● Assignment
Among the entries that follow, find the lines holding "IFCLOCALPLACEMENT" and say how many there are, with no other words.

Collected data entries
[Start of Attachment]
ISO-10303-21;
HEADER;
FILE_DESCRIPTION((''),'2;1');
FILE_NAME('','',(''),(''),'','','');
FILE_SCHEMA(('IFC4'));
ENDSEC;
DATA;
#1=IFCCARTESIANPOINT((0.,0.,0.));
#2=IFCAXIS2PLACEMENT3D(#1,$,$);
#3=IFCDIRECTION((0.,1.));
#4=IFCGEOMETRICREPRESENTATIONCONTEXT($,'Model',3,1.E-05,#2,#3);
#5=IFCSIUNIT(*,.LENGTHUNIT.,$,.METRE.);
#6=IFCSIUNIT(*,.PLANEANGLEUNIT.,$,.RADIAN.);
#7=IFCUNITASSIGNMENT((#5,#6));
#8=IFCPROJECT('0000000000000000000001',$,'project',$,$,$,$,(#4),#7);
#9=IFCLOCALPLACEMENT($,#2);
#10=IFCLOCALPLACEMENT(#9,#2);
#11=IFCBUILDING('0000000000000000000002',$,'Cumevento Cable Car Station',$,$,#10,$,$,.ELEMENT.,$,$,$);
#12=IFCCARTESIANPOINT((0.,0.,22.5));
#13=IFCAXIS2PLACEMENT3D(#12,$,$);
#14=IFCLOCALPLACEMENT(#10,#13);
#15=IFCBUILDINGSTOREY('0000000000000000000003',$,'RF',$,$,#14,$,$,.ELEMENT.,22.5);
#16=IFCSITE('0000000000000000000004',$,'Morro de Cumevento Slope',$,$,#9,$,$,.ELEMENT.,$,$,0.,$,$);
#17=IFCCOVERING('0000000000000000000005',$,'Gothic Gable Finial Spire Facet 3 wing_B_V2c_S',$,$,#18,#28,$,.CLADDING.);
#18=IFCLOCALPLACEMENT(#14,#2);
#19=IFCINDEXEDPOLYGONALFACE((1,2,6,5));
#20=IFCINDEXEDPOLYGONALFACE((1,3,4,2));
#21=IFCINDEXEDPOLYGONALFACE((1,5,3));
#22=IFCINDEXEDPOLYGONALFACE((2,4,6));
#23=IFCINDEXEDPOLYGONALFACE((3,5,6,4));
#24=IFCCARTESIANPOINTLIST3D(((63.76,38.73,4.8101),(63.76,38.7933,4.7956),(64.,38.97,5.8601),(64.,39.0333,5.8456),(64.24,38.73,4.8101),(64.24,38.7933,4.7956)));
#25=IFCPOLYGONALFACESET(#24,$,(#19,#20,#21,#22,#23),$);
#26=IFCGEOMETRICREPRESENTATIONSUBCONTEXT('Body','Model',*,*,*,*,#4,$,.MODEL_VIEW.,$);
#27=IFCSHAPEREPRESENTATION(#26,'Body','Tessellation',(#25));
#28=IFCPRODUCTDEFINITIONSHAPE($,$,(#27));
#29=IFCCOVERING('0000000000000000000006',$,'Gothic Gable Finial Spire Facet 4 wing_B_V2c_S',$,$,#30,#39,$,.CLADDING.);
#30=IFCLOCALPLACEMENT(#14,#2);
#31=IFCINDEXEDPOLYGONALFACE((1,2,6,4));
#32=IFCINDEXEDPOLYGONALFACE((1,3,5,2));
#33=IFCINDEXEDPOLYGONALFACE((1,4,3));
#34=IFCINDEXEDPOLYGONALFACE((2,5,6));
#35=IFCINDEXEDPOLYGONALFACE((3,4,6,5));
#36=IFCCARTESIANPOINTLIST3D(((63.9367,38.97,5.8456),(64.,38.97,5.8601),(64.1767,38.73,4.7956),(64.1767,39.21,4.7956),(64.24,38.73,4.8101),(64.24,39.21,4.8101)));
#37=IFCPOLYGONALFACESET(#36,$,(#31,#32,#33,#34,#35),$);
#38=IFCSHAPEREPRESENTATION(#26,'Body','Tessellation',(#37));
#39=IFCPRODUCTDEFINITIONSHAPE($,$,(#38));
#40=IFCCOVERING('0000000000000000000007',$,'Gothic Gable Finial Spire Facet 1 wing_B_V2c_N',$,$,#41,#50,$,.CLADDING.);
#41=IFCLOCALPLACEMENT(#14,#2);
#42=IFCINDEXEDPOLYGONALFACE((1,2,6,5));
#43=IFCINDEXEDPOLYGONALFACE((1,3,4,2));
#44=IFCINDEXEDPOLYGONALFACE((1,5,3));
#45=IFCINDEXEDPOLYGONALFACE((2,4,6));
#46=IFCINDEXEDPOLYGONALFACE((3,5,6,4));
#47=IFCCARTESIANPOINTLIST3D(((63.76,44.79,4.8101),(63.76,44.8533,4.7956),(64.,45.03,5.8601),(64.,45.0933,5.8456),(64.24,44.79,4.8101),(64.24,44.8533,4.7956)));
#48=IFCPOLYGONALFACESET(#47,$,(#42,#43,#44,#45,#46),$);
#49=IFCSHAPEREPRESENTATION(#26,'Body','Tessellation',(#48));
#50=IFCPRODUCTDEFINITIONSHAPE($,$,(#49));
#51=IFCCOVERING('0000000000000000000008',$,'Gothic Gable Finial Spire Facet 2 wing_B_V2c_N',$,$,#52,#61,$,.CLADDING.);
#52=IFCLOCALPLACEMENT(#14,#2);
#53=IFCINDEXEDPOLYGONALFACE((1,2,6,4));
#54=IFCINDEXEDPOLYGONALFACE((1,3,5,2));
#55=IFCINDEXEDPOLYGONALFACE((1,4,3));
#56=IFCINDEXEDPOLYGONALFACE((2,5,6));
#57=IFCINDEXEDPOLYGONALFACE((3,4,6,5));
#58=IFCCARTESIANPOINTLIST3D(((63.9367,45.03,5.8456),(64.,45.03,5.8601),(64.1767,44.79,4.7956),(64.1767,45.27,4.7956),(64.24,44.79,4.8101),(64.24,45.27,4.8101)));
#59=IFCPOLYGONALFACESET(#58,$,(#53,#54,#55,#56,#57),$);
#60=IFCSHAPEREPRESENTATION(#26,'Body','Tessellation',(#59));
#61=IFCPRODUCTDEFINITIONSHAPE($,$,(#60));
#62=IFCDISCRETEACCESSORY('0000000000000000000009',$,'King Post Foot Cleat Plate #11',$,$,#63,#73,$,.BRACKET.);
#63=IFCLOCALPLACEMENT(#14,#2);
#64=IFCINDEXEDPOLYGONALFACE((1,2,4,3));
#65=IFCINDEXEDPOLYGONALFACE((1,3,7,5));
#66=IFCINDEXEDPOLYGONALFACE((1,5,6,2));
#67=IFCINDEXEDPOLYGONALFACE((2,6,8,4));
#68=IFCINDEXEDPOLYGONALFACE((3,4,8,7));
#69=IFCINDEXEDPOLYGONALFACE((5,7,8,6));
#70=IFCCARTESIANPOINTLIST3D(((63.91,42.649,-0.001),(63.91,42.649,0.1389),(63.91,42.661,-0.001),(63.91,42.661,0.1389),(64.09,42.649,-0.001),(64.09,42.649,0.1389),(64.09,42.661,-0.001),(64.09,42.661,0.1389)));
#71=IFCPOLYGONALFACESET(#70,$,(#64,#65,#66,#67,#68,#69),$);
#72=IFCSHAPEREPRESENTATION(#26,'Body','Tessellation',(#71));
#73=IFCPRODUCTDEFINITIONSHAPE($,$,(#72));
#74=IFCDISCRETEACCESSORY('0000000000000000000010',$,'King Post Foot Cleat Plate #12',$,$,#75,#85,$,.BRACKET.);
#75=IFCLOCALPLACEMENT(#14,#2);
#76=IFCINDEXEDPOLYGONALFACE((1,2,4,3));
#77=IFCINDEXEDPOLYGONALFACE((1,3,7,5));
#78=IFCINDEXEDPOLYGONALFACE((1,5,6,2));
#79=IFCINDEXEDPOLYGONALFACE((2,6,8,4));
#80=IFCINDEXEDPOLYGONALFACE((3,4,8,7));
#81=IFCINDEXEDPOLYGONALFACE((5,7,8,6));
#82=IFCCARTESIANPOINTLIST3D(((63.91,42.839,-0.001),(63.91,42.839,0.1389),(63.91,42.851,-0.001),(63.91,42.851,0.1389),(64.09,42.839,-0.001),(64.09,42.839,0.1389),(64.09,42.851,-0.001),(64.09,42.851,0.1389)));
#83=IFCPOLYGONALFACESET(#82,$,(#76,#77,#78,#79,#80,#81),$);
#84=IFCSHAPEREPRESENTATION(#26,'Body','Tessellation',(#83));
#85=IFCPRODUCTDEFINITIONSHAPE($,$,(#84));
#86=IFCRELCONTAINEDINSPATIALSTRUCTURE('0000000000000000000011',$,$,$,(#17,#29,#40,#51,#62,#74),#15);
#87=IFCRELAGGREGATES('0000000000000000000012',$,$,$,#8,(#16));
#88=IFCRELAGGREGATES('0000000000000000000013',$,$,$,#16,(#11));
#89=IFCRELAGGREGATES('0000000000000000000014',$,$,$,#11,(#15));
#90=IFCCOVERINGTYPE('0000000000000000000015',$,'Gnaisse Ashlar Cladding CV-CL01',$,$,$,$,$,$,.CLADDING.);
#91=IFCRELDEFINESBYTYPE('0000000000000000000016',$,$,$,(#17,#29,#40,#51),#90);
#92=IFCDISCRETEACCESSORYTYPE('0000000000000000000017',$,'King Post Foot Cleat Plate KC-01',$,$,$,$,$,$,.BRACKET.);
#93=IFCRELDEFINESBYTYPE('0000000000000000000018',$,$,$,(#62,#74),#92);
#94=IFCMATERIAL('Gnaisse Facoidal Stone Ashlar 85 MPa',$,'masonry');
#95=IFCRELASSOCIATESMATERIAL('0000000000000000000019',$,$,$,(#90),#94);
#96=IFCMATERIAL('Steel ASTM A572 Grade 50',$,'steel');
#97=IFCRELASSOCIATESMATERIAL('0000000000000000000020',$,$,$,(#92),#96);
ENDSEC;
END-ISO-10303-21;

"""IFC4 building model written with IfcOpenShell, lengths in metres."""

from ifc_helpers import new_model, si_unit, direction, frame, origin, origin_2d, place, context, subcontext, project, spatial, polyline, rectangle, outline, extrude, material, type_object, element, save


model = new_model("IFC4")

# Units and contexts
model_context = context("Model", 3, precision=1e-05, world=origin(), true_north=direction((0.0, 1.0)))
body_context = subcontext(model_context, "Body", "Model", "MODEL_VIEW")
ifc_project = project(units=[si_unit("LENGTHUNIT", "METRE"), si_unit("PLANEANGLEUNIT", "RADIAN")], contexts=[model_context])

# Site, building, storey
site_placement = place(None, origin())
site = spatial("IfcSite", under=ifc_project, at=site_placement, Name="Morro de Cumevento Slope", CompositionType="ELEMENT", RefElevation=0.0)
building_placement = place(site_placement, origin())
building = spatial("IfcBuilding", under=site, at=building_placement, Name="Cumevento Cable Car Station", CompositionType="ELEMENT")
storey_placement = place(building_placement, frame((0.0, 0.0, 22.5)))
storey = spatial("IfcBuildingStorey", under=building, at=storey_placement, Name="RF", CompositionType="ELEMENT", Elevation=22.5)

# Coverings
ifc_material_1 = material(Name="Gnaisse Facoidal Stone Ashlar 85 MPa", Category="masonry")
covering_type_1 = type_object("IfcCoveringType", Name="Gnaisse Ashlar Cladding CV-CL01", PredefinedType="CLADDING", material=ifc_material_1)
for number, where, z_axis, x_axis, name in (
    (1, (63.76, 38.73, 4.8101), (0.0, -0.974863, 0.222806), (1.0, 0.0, 0.0), "Gothic Gable Finial Spire Facet 3 wing_B_V2c_S"),
    (2, (64.24, 38.73, 4.8101), (0.974863, 0.0, 0.222806), (0.0, 1.0, 0.0), "Gothic Gable Finial Spire Facet 4 wing_B_V2c_S"),
    (3, (63.76, 44.79, 4.8101), (0.0, -0.974863, 0.222806), (1.0, 0.0, 0.0), "Gothic Gable Finial Spire Facet 1 wing_B_V2c_N"),
    (4, (64.24, 44.79, 4.8101), (0.974863, 0.0, 0.222806), (0.0, 1.0, 0.0), "Gothic Gable Finial Spire Facet 2 wing_B_V2c_N"),
):
    element("IfcCovering", number, at=place(storey_placement, frame(where, z_axis=z_axis, x_axis=x_axis)), inside=storey, type_object=covering_type_1, Name=name, PredefinedType="CLADDING", context=body_context, shape_type="SweptSolid", body=[
        extrude(outline(polyline([(0.0, 0.0), (0.48, 0.0), (0.24, 1.0771), (0.0, 0.0)])), origin(), (0.0, 0.0, -1.0), 0.0649),
    ])

# Discrete accessories
ifc_material_2 = material(Name="Steel ASTM A572 Grade 50", Category="steel")
discrete_accessory_type = type_object("IfcDiscreteAccessoryType", Name="King Post Foot Cleat Plate KC-01", PredefinedType="BRACKET", material=ifc_material_2)
for number, where, z_axis, x_axis, name in (
    (5, (64.0, 42.655, -0.001), (0.0, 0.0, 1.0), (0.0, 1.0, 0.0), "King Post Foot Cleat Plate #11"),
    (6, (64.0, 42.845, -0.001), (0.0, 0.0, 1.0), (0.0, 1.0, 0.0), "King Post Foot Cleat Plate #12"),
):
    element("IfcDiscreteAccessory", number, at=place(storey_placement, frame(where, z_axis=z_axis, x_axis=x_axis)), inside=storey, type_object=discrete_accessory_type, Name=name, PredefinedType="BRACKET", context=body_context, shape_type="SweptSolid", body=[
        extrude(rectangle(XDim=0.012, YDim=0.1799, at=origin_2d()), origin(), (0.0, 0.0, 1.0), 0.1399),
    ])

save(model, "model.ifc")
[End of Attachment]
● Answer to the exercise
9